### ABOUT THIS EXERCISE
Check each line of the listing, and copy it if it contains the word "Stud".

### DATASET
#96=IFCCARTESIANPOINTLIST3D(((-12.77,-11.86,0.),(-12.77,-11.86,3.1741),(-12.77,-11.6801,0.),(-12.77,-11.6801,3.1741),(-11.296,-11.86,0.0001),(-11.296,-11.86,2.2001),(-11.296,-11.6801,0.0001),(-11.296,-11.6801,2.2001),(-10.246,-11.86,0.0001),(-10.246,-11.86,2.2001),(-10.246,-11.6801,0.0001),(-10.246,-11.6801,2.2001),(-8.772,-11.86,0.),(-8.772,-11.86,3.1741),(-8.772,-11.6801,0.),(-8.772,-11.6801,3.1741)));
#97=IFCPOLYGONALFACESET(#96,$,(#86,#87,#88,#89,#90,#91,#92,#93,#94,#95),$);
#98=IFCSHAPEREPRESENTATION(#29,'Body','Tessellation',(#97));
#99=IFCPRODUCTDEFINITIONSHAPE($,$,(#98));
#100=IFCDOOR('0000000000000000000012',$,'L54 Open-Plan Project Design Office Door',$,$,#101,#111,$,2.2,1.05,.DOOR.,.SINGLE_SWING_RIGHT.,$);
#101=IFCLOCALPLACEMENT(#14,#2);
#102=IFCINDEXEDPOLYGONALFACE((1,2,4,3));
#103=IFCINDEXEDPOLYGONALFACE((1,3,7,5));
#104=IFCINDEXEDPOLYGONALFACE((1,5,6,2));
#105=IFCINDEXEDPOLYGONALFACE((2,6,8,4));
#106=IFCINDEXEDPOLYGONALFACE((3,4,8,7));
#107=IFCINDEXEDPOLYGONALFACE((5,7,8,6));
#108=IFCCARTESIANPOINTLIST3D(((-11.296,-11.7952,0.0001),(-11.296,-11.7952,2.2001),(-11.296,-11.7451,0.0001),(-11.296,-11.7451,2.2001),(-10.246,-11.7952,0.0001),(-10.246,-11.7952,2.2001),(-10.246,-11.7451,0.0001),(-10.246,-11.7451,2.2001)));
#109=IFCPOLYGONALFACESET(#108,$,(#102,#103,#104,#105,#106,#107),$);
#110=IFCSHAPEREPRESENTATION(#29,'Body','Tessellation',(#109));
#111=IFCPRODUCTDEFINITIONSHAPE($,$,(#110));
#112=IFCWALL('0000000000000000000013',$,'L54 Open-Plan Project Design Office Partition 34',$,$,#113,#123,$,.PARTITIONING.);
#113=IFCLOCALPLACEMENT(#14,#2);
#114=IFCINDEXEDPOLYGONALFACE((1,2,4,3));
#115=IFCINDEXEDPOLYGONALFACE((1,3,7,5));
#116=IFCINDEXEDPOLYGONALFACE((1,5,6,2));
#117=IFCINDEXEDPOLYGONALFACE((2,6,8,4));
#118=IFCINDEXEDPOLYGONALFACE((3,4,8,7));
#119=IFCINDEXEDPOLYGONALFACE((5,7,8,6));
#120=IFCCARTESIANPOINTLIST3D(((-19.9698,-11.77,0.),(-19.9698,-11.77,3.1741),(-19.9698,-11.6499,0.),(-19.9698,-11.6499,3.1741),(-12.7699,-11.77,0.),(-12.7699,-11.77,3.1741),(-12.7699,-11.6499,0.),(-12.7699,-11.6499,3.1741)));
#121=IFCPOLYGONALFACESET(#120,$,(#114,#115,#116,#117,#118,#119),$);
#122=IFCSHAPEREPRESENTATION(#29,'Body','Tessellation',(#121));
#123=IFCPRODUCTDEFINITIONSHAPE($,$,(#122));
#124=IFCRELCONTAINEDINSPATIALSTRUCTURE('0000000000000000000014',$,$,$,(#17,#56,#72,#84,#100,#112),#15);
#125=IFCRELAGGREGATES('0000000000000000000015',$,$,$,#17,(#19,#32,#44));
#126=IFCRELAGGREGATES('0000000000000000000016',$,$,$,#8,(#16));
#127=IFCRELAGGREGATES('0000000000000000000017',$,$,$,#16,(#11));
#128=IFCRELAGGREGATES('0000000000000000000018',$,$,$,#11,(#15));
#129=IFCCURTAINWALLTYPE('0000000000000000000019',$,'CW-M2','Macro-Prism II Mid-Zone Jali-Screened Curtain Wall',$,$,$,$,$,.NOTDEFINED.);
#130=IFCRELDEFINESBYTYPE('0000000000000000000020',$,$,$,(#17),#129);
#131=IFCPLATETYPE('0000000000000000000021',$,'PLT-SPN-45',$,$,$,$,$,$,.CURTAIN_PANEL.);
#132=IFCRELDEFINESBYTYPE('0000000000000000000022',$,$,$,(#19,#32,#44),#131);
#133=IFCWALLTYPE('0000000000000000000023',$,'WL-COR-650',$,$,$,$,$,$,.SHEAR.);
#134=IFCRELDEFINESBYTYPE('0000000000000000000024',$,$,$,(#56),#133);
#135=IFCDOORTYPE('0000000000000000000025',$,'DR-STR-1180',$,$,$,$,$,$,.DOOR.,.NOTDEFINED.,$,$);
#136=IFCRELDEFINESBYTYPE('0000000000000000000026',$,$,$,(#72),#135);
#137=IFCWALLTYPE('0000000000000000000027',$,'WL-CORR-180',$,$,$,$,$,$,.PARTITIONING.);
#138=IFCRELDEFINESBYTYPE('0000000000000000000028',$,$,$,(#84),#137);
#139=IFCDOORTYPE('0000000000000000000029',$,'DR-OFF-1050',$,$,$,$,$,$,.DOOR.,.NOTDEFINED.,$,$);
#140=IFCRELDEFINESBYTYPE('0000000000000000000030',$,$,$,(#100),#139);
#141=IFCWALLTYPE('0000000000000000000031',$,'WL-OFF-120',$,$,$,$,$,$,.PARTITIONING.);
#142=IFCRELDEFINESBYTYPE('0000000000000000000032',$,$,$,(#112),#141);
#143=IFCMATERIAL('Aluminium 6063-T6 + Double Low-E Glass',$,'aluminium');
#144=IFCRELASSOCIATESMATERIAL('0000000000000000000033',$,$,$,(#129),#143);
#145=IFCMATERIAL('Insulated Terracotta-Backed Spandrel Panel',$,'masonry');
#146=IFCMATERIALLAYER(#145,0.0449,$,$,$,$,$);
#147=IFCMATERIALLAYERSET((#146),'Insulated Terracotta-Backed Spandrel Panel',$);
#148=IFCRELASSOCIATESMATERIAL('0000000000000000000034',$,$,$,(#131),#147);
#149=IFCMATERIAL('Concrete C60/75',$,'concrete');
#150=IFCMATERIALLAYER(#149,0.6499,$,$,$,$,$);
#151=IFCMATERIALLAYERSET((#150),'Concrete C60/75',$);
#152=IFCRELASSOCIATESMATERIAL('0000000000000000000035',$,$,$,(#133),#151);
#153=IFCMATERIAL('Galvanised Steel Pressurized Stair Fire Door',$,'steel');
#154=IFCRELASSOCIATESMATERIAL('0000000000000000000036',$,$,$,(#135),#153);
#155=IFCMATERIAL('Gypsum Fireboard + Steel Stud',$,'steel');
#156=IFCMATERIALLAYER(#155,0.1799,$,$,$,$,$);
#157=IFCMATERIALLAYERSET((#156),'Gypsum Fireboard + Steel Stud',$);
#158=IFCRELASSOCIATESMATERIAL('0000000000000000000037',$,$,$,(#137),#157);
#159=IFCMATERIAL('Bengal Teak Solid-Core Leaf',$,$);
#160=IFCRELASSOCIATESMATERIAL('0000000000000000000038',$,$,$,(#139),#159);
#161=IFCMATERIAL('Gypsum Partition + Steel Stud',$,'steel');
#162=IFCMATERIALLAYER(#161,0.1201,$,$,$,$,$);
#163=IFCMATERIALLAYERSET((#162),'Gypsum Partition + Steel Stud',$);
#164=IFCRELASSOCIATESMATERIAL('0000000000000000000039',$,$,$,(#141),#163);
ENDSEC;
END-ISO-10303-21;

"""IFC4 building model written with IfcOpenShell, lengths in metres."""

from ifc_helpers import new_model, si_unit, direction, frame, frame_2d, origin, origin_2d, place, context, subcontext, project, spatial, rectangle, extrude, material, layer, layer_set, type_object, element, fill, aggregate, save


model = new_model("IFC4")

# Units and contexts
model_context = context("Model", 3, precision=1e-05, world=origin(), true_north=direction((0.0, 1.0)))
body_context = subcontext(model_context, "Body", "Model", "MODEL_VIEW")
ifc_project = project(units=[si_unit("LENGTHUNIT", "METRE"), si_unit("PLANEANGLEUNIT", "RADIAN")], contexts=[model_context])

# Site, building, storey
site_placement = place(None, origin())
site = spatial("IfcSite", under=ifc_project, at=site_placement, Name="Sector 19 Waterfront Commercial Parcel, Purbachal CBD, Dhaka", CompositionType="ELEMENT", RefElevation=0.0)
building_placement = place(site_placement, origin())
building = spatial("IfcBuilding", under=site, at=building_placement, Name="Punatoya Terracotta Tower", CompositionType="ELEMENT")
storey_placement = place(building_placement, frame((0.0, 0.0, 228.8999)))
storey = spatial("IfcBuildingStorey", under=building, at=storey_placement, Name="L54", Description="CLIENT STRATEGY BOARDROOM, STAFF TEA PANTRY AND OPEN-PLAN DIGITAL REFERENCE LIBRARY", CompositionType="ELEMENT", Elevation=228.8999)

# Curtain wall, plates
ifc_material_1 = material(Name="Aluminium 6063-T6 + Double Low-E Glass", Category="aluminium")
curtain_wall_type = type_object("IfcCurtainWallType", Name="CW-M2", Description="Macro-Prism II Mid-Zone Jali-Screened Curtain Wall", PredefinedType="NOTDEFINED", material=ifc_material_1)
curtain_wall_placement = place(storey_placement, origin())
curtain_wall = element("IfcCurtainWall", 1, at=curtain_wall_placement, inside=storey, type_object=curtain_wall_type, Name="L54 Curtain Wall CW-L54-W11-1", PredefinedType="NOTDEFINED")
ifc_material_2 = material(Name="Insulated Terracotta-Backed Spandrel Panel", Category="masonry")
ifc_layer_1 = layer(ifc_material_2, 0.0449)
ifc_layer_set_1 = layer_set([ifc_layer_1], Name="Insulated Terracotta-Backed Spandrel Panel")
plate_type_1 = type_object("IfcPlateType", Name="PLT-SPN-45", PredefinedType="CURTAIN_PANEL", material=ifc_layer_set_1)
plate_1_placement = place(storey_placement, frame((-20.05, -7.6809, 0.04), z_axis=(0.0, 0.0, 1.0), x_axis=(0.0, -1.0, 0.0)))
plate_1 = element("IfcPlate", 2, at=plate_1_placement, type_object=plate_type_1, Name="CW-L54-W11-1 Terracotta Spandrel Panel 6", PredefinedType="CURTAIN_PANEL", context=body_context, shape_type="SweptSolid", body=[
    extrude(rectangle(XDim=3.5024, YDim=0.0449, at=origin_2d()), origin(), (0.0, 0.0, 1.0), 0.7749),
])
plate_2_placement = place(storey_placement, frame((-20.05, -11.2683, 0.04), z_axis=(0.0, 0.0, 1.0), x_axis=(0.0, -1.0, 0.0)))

### WRITTEN RESPONSE
#155=IFCMATERIAL('Gypsum Fireboard + Steel Stud',$,'steel');
#157=IFCMATERIALLAYERSET((#156),'Gypsum Fireboard + Steel Stud',$);
#161=IFCMATERIAL('Gypsum Partition + Steel Stud',$,'steel');
#163=IFCMATERIALLAYERSET((#162),'Gypsum Partition + Steel Stud',$);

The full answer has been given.